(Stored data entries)
--
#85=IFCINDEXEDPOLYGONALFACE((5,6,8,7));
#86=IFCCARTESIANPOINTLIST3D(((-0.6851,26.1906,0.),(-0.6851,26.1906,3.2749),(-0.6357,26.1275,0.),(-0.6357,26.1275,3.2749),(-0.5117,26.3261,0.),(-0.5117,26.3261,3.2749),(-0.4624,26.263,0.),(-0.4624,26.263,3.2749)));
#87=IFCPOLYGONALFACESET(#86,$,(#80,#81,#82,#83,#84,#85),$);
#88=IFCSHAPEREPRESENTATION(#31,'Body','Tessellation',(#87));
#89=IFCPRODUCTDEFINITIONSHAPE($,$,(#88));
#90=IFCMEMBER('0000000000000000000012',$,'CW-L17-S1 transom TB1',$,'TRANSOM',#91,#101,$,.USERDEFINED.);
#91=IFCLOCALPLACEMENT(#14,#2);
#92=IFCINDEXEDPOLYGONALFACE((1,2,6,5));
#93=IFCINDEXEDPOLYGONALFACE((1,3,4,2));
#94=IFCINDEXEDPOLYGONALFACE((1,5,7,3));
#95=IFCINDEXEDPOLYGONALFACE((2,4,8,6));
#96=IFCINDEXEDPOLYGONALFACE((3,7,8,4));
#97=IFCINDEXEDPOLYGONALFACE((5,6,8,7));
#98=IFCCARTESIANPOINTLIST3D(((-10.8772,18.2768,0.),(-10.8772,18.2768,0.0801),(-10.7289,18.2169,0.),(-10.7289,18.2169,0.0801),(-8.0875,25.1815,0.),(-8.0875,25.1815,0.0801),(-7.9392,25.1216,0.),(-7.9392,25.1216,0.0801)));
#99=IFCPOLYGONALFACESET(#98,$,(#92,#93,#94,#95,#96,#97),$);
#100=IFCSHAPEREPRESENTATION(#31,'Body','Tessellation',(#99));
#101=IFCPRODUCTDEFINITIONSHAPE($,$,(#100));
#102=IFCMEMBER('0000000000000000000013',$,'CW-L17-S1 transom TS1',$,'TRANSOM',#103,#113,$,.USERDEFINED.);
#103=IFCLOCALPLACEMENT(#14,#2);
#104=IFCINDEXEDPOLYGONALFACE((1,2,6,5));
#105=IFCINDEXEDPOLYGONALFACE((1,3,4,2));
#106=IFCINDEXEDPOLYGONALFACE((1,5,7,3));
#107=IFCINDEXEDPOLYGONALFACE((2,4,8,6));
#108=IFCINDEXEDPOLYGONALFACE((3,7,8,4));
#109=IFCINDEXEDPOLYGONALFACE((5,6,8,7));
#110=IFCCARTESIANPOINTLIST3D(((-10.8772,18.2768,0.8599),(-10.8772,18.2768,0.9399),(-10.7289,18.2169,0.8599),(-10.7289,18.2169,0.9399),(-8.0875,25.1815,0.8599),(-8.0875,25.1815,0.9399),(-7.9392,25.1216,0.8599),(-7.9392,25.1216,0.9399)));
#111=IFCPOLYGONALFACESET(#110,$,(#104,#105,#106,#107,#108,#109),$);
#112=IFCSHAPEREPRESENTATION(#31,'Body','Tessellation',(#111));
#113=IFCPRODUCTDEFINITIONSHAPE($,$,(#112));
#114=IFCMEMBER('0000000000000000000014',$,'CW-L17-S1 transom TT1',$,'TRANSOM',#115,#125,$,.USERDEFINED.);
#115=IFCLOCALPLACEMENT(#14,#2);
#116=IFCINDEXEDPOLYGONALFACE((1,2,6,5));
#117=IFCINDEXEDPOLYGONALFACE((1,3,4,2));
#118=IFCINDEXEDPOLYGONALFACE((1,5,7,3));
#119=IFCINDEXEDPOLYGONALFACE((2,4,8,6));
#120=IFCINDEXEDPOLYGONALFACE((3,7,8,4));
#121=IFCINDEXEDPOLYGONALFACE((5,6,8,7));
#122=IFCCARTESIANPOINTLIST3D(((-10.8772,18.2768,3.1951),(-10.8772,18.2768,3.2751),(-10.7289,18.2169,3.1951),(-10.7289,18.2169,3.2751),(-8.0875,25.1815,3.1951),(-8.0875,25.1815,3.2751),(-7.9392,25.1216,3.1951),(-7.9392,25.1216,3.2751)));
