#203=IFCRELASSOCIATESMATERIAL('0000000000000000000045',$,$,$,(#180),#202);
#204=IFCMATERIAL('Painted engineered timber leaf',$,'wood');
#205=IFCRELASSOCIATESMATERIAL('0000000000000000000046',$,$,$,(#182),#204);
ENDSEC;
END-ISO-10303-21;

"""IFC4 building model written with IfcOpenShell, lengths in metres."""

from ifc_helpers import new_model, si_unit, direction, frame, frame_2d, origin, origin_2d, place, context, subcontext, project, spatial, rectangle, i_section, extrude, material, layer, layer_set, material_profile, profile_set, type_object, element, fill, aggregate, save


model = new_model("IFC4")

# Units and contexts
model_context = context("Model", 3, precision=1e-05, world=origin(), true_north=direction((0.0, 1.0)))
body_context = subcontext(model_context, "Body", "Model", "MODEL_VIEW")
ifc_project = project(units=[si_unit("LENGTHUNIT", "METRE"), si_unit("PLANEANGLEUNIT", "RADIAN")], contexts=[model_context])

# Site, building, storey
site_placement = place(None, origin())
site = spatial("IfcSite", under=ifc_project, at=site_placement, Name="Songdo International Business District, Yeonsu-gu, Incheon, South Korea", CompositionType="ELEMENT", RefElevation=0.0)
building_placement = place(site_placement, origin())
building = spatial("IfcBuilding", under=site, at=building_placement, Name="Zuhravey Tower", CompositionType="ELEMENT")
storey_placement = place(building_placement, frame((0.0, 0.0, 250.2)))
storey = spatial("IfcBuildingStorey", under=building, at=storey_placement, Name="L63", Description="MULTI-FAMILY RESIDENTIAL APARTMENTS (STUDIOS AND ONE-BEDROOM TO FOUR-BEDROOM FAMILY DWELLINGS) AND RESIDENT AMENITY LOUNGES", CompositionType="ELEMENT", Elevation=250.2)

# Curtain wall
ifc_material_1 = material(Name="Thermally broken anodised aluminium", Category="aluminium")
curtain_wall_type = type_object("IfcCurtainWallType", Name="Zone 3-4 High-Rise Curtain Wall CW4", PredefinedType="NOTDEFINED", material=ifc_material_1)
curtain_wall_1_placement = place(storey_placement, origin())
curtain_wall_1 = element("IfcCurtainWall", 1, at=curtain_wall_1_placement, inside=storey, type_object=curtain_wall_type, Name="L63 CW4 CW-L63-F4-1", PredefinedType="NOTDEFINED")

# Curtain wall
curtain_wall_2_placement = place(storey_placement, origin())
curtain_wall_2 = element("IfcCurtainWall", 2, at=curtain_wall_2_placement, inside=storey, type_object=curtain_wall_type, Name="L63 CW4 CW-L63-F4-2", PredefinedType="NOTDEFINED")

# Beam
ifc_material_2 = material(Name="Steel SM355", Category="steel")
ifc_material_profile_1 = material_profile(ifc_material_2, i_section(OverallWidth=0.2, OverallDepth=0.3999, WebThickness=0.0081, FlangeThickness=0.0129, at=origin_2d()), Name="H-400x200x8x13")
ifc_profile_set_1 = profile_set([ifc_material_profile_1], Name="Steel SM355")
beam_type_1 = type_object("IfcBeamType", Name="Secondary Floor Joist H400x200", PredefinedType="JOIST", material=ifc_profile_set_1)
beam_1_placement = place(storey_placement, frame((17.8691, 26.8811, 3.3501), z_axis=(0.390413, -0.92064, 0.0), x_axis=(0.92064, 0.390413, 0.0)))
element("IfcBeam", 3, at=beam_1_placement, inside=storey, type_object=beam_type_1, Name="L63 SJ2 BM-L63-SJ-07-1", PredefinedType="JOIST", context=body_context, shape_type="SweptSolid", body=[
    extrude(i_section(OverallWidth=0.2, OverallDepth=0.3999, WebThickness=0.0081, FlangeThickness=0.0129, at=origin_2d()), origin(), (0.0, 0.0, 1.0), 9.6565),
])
--
» **Task directions**: Repeat the entries above exactly, from the first line through the line containing "#91=IFCLOCALPLACEMENT(#14,#2);".

» **Result of this exercise**:
#85=IFCINDEXEDPOLYGONALFACE((5,6,8,7));
#86=IFCCARTESIANPOINTLIST3D(((-0.6851,26.1906,0.),(-0.6851,26.1906,3.2749),(-0.6357,26.1275,0.),(-0.6357,26.1275,3.2749),(-0.5117,26.3261,0.),(-0.5117,26.3261,3.2749),(-0.4624,26.263,0.),(-0.4624,26.263,3.2749)));
#87=IFCPOLYGONALFACESET(#86,$,(#80,#81,#82,#83,#84,#85),$);
#88=IFCSHAPEREPRESENTATION(#31,'Body','Tessellation',(#87));
#89=IFCPRODUCTDEFINITIONSHAPE($,$,(#88));
#90=IFCMEMBER('0000000000000000000012',$,'CW-L17-S1 transom TB1',$,'TRANSOM',#91,#101,$,.USERDEFINED.);
#91=IFCLOCALPLACEMENT(#14,#2);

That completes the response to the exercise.